►

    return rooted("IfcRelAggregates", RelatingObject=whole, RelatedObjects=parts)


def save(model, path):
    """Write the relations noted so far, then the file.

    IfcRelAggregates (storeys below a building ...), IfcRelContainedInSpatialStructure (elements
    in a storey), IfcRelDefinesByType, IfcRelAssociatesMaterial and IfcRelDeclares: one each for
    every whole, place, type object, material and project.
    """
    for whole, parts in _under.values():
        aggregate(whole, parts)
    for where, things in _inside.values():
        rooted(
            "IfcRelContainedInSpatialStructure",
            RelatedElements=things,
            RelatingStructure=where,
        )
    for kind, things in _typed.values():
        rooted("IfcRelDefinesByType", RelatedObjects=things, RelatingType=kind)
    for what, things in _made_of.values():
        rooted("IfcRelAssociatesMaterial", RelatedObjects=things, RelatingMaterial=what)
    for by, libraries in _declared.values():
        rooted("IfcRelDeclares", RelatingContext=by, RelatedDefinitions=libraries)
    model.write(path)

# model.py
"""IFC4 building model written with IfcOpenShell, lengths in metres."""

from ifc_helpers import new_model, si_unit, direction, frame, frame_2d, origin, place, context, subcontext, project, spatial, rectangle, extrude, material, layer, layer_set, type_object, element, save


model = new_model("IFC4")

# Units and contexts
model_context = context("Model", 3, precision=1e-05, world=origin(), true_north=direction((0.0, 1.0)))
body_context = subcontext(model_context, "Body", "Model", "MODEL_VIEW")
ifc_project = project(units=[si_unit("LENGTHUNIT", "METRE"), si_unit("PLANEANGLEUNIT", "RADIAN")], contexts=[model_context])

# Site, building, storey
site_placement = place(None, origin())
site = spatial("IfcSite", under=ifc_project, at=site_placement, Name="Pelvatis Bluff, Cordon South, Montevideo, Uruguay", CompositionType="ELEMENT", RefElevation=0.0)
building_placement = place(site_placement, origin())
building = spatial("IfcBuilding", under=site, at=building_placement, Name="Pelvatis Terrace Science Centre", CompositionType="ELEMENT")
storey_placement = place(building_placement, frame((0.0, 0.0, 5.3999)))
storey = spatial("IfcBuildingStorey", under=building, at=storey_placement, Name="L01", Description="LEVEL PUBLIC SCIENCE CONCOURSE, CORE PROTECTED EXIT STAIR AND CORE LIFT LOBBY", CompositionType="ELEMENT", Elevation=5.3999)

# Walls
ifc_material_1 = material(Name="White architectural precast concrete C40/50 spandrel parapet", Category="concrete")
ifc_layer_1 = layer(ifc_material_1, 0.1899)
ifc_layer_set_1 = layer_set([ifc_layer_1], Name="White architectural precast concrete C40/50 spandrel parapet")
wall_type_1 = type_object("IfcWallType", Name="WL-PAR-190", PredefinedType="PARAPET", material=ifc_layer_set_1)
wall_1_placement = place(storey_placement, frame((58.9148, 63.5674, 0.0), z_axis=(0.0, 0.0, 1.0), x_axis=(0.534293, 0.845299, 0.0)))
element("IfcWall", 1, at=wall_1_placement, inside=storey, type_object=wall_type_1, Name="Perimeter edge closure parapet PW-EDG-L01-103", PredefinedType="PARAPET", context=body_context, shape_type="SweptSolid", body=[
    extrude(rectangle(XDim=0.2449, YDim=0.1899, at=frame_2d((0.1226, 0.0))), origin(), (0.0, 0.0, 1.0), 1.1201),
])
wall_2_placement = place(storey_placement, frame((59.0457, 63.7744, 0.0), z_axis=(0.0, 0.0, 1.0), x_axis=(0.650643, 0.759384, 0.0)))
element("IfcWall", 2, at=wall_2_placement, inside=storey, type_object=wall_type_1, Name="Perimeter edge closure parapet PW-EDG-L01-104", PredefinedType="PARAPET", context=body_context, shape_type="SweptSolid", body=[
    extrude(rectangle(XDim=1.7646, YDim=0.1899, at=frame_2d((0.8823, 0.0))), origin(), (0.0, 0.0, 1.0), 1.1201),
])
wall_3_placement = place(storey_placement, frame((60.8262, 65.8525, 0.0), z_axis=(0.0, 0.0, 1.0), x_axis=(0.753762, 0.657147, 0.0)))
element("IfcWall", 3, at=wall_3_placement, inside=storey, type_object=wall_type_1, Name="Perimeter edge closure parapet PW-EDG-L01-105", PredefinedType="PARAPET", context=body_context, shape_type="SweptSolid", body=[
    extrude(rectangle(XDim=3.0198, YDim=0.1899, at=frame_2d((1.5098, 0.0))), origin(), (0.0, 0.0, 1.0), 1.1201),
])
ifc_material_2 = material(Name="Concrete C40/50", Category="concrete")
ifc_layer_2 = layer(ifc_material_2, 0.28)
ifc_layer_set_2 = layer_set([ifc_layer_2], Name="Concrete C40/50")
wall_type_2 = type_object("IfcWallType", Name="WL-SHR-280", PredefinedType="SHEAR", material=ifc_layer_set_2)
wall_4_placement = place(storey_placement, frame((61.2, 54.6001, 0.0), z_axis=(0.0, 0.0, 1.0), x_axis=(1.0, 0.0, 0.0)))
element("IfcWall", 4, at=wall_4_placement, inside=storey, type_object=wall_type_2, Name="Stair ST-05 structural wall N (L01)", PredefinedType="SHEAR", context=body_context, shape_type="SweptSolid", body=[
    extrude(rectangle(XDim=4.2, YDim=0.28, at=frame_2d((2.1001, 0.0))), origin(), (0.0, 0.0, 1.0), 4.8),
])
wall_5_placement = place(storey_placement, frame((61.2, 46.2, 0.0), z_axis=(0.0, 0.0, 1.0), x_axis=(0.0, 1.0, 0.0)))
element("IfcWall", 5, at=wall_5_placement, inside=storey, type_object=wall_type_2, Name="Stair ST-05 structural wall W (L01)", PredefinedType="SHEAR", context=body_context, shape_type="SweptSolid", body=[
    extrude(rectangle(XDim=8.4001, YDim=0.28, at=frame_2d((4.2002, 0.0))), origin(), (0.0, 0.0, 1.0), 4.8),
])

◄

### ABOUT THIS EXERCISE
Extract the listing in its entirety and repeat it exactly.

### RESULT
    return rooted("IfcRelAggregates", RelatingObject=whole, RelatedObjects=parts)


def save(model, path):
    """Write the relations noted so far, then the file.

    IfcRelAggregates (storeys below a building ...), IfcRelContainedInSpatialStructure (elements
    in a storey), IfcRelDefinesByType, IfcRelAssociatesMaterial and IfcRelDeclares: one each for
    every whole, place, type object, material and project.
    """
    for whole, parts in _under.values():
        aggregate(whole, parts)
    for where, things in _inside.values():
        rooted(
            "IfcRelContainedInSpatialStructure",
            RelatedElements=things,
            RelatingStructure=where,
        )
    for kind, things in _typed.values():
        rooted("IfcRelDefinesByType", RelatedObjects=things, RelatingType=kind)
    for what, things in _made_of.values():
        rooted("IfcRelAssociatesMaterial", RelatedObjects=things, RelatingMaterial=what)
    for by, libraries in _declared.values():
        rooted("IfcRelDeclares", RelatingContext=by, RelatedDefinitions=libraries)
    model.write(path)

# model.py
"""IFC4 building model written with IfcOpenShell, lengths in metres."""

from ifc_helpers import new_model, si_unit, direction, frame, frame_2d, origin, place, context, subcontext, project, spatial, rectangle, extrude, material, layer, layer_set, type_object, element, save


model = new_model("IFC4")

# Units and contexts
model_context = context("Model", 3, precision=1e-05, world=origin(), true_north=direction((0.0, 1.0)))
body_context = subcontext(model_context, "Body", "Model", "MODEL_VIEW")
ifc_project = project(units=[si_unit("LENGTHUNIT", "METRE"), si_unit("PLANEANGLEUNIT", "RADIAN")], contexts=[model_context])

# Site, building, storey
site_placement = place(None, origin())
site = spatial("IfcSite", under=ifc_project, at=site_placement, Name="Pelvatis Bluff, Cordon South, Montevideo, Uruguay", CompositionType="ELEMENT", RefElevation=0.0)
building_placement = place(site_placement, origin())
building = spatial("IfcBuilding", under=site, at=building_placement, Name="Pelvatis Terrace Science Centre", CompositionType="ELEMENT")
storey_placement = place(building_placement, frame((0.0, 0.0, 5.3999)))
storey = spatial("IfcBuildingStorey", under=building, at=storey_placement, Name="L01", Description="LEVEL PUBLIC SCIENCE CONCOURSE, CORE PROTECTED EXIT STAIR AND CORE LIFT LOBBY", CompositionType="ELEMENT", Elevation=5.3999)

# Walls
ifc_material_1 = material(Name="White architectural precast concrete C40/50 spandrel parapet", Category="concrete")
ifc_layer_1 = layer(ifc_material_1, 0.1899)
ifc_layer_set_1 = layer_set([ifc_layer_1], Name="White architectural precast concrete C40/50 spandrel parapet")
wall_type_1 = type_object("IfcWallType", Name="WL-PAR-190", PredefinedType="PARAPET", material=ifc_layer_set_1)
wall_1_placement = place(storey_placement, frame((58.9148, 63.5674, 0.0), z_axis=(0.0, 0.0, 1.0), x_axis=(0.534293, 0.845299, 0.0)))
element("IfcWall", 1, at=wall_1_placement, inside=storey, type_object=wall_type_1, Name="Perimeter edge closure parapet PW-EDG-L01-103", PredefinedType="PARAPET", context=body_context, shape_type="SweptSolid", body=[
    extrude(rectangle(XDim=0.2449, YDim=0.1899, at=frame_2d((0.1226, 0.0))), origin(), (0.0, 0.0, 1.0), 1.1201),
])
wall_2_placement = place(storey_placement, frame((59.0457, 63.7744, 0.0), z_axis=(0.0, 0.0, 1.0), x_axis=(0.650643, 0.759384, 0.0)))
element("IfcWall", 2, at=wall_2_placement, inside=storey, type_object=wall_type_1, Name="Perimeter edge closure parapet PW-EDG-L01-104", PredefinedType="PARAPET", context=body_context, shape_type="SweptSolid", body=[
    extrude(rectangle(XDim=1.7646, YDim=0.1899, at=frame_2d((0.8823, 0.0))), origin(), (0.0, 0.0, 1.0), 1.1201),
])
wall_3_placement = place(storey_placement, frame((60.8262, 65.8525, 0.0), z_axis=(0.0, 0.0, 1.0), x_axis=(0.753762, 0.657147, 0.0)))
element("IfcWall", 3, at=wall_3_placement, inside=storey, type_object=wall_type_1, Name="Perimeter edge closure parapet PW-EDG-L01-105", PredefinedType="PARAPET", context=body_context, shape_type="SweptSolid", body=[
    extrude(rectangle(XDim=3.0198, YDim=0.1899, at=frame_2d((1.5098, 0.0))), origin(), (0.0, 0.0, 1.0), 1.1201),
])
ifc_material_2 = material(Name="Concrete C40/50", Category="concrete")
ifc_layer_2 = layer(ifc_material_2, 0.28)
ifc_layer_set_2 = layer_set([ifc_layer_2], Name="Concrete C40/50")
wall_type_2 = type_object("IfcWallType", Name="WL-SHR-280", PredefinedType="SHEAR", material=ifc_layer_set_2)
wall_4_placement = place(storey_placement, frame((61.2, 54.6001, 0.0), z_axis=(0.0, 0.0, 1.0), x_axis=(1.0, 0.0, 0.0)))
element("IfcWall", 4, at=wall_4_placement, inside=storey, type_object=wall_type_2, Name="Stair ST-05 structural wall N (L01)", PredefinedType="SHEAR", context=body_context, shape_type="SweptSolid", body=[
    extrude(rectangle(XDim=4.2, YDim=0.28, at=frame_2d((2.1001, 0.0))), origin(), (0.0, 0.0, 1.0), 4.8),
])
wall_5_placement = place(storey_placement, frame((61.2, 46.2, 0.0), z_axis=(0.0, 0.0, 1.0), x_axis=(0.0, 1.0, 0.0)))
element("IfcWall", 5, at=wall_5_placement, inside=storey, type_object=wall_type_2, Name="Stair ST-05 structural wall W (L01)", PredefinedType="SHEAR", context=body_context, shape_type="SweptSolid", body=[
    extrude(rectangle(XDim=8.4001, YDim=0.28, at=frame_2d((4.2002, 0.0))), origin(), (0.0, 0.0, 1.0), 4.8),
])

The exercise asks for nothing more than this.